Description of the task => Produce word for word the lines of the data below running from the one that has "#96=IFCINDEXEDPOLYGONALFACE((1,2,4,3));" to the one that has "#105=IFCPRODUCTDEFINITIONSHAPE($,$,(#104));", inclusive, and no others.

Input records =>
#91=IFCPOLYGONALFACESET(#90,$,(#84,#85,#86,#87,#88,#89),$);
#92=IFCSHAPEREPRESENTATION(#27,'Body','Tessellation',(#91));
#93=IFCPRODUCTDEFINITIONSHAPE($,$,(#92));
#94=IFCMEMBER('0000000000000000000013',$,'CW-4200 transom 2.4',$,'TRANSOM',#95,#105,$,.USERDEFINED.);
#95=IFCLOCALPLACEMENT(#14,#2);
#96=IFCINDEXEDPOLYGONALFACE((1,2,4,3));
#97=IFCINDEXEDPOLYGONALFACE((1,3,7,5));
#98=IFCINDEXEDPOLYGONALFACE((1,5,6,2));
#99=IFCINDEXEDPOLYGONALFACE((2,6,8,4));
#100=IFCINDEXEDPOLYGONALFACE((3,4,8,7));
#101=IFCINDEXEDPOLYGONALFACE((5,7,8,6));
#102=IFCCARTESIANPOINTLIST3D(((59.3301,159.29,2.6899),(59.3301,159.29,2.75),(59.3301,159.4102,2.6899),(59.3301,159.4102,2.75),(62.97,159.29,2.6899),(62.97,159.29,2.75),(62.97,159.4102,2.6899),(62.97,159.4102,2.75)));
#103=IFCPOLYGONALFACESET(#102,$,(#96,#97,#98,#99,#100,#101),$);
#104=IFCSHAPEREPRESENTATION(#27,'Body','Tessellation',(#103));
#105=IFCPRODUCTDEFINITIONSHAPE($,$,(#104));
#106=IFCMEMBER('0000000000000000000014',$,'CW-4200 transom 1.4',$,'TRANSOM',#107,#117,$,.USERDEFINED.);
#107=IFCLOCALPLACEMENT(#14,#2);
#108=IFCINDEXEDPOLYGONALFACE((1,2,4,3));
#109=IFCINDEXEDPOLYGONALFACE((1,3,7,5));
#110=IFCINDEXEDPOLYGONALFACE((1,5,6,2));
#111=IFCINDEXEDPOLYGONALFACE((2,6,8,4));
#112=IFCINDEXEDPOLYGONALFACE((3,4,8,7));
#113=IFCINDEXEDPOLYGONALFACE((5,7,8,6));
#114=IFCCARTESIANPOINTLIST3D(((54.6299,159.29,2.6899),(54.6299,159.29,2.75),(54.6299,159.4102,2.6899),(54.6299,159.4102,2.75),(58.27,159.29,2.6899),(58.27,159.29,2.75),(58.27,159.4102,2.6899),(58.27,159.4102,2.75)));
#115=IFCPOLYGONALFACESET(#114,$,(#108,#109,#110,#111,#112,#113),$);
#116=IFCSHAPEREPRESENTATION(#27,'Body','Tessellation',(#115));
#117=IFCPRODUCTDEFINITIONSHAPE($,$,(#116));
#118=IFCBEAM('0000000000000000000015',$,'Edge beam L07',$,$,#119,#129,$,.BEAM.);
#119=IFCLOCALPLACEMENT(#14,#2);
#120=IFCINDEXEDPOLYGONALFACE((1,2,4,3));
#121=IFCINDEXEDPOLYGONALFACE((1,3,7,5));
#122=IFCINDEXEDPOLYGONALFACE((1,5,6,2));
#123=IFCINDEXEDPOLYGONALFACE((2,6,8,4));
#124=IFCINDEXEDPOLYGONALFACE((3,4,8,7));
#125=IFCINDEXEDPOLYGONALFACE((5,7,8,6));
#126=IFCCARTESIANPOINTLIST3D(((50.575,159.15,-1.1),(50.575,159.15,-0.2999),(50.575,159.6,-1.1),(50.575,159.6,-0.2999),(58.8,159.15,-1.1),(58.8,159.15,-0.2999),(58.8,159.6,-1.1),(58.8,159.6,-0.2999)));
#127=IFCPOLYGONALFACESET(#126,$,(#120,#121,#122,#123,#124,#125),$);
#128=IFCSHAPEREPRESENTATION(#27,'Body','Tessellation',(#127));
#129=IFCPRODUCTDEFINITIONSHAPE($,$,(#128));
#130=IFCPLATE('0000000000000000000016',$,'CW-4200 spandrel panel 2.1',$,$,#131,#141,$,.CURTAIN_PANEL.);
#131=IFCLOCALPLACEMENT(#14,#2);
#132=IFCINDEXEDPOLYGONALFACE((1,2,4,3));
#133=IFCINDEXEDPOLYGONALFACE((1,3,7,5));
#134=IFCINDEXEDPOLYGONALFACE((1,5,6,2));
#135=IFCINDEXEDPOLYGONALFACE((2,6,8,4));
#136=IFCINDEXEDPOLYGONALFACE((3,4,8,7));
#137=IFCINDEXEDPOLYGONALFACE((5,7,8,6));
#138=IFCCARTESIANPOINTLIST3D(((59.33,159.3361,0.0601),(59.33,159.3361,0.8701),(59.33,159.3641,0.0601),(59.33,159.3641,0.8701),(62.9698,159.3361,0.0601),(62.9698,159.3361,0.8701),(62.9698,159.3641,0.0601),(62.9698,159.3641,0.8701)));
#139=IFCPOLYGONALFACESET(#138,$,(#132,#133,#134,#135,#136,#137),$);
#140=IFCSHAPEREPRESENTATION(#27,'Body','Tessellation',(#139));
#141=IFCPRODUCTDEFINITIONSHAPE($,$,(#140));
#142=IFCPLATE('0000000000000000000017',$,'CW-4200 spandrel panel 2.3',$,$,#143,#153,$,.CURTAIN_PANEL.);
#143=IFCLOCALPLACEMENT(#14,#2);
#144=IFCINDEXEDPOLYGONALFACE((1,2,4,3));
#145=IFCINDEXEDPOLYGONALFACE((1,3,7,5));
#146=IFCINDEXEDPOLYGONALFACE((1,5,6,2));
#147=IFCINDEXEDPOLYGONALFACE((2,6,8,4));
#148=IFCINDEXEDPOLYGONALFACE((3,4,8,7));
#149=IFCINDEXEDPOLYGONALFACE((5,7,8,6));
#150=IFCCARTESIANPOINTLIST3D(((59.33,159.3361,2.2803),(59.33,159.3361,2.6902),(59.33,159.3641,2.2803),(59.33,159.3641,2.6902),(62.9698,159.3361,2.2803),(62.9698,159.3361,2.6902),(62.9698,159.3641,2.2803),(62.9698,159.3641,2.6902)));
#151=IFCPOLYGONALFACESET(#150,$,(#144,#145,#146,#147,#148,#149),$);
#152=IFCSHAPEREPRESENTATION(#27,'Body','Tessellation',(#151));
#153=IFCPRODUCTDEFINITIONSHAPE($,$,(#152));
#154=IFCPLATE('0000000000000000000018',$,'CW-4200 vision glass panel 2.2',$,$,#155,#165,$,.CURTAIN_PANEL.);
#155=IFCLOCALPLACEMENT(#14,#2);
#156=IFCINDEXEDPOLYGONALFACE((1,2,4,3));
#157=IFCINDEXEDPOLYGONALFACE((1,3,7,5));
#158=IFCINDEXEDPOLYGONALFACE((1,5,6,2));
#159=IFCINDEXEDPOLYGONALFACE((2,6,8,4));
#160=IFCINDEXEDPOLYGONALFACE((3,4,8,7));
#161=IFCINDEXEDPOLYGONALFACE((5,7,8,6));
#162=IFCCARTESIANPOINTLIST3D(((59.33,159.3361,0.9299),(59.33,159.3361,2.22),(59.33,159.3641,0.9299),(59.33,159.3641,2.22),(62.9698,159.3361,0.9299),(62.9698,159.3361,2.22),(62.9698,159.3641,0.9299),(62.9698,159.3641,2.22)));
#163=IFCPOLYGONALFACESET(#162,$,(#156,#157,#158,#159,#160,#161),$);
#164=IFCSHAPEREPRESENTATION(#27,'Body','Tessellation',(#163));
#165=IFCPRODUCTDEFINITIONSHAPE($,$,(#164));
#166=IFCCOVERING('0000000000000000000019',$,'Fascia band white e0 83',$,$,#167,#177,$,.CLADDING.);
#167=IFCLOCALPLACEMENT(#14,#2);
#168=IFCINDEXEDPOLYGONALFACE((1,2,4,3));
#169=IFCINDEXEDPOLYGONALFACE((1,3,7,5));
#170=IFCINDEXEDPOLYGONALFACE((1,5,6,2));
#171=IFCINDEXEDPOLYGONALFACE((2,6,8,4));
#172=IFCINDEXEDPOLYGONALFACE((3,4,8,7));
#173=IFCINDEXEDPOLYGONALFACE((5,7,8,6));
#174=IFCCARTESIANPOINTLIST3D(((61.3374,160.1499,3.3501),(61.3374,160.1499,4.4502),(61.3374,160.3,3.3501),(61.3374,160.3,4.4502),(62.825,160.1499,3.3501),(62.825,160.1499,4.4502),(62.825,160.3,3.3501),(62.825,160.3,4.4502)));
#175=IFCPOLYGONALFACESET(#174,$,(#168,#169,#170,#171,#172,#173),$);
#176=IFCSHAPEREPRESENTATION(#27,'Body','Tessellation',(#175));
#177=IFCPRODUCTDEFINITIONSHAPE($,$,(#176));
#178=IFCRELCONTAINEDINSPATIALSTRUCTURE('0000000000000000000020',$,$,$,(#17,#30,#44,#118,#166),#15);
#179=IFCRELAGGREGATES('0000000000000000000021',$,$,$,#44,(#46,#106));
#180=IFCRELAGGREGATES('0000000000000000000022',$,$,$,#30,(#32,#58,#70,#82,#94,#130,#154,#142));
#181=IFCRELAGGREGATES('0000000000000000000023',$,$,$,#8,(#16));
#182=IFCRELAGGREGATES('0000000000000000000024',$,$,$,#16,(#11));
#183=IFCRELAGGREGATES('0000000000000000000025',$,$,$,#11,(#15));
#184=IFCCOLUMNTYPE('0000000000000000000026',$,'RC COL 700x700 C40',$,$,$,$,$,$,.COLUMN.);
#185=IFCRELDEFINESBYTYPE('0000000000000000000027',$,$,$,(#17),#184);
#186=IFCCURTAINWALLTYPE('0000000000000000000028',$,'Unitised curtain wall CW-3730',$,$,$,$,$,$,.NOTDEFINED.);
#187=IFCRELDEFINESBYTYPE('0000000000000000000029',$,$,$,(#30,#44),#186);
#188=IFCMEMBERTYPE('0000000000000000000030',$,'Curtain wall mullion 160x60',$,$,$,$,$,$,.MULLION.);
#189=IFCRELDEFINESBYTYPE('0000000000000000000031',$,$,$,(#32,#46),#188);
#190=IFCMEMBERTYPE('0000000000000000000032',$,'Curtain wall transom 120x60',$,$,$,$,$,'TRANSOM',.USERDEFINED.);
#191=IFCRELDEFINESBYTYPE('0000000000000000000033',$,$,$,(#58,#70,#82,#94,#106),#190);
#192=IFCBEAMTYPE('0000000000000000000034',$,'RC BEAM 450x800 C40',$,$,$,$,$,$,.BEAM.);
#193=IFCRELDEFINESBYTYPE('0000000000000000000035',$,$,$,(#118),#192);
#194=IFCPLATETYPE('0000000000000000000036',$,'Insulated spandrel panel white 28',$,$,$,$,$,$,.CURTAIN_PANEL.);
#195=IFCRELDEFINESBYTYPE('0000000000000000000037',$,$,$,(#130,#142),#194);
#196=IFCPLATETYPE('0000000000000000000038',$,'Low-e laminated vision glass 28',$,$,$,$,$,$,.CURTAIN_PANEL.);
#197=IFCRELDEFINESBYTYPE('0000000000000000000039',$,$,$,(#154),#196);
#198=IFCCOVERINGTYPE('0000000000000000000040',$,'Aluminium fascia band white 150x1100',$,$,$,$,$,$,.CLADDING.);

Reply =>
#96=IFCINDEXEDPOLYGONALFACE((1,2,4,3));
#97=IFCINDEXEDPOLYGONALFACE((1,3,7,5));
#98=IFCINDEXEDPOLYGONALFACE((1,5,6,2));
#99=IFCINDEXEDPOLYGONALFACE((2,6,8,4));
#100=IFCINDEXEDPOLYGONALFACE((3,4,8,7));
#101=IFCINDEXEDPOLYGONALFACE((5,7,8,6));
#102=IFCCARTESIANPOINTLIST3D(((59.3301,159.29,2.6899),(59.3301,159.29,2.75),(59.3301,159.4102,2.6899),(59.3301,159.4102,2.75),(62.97,159.29,2.6899),(62.97,159.29,2.75),(62.97,159.4102,2.6899),(62.97,159.4102,2.75)));
#103=IFCPOLYGONALFACESET(#102,$,(#96,#97,#98,#99,#100,#101),$);
#104=IFCSHAPEREPRESENTATION(#27,'Body','Tessellation',(#103));
#105=IFCPRODUCTDEFINITIONSHAPE($,$,(#104));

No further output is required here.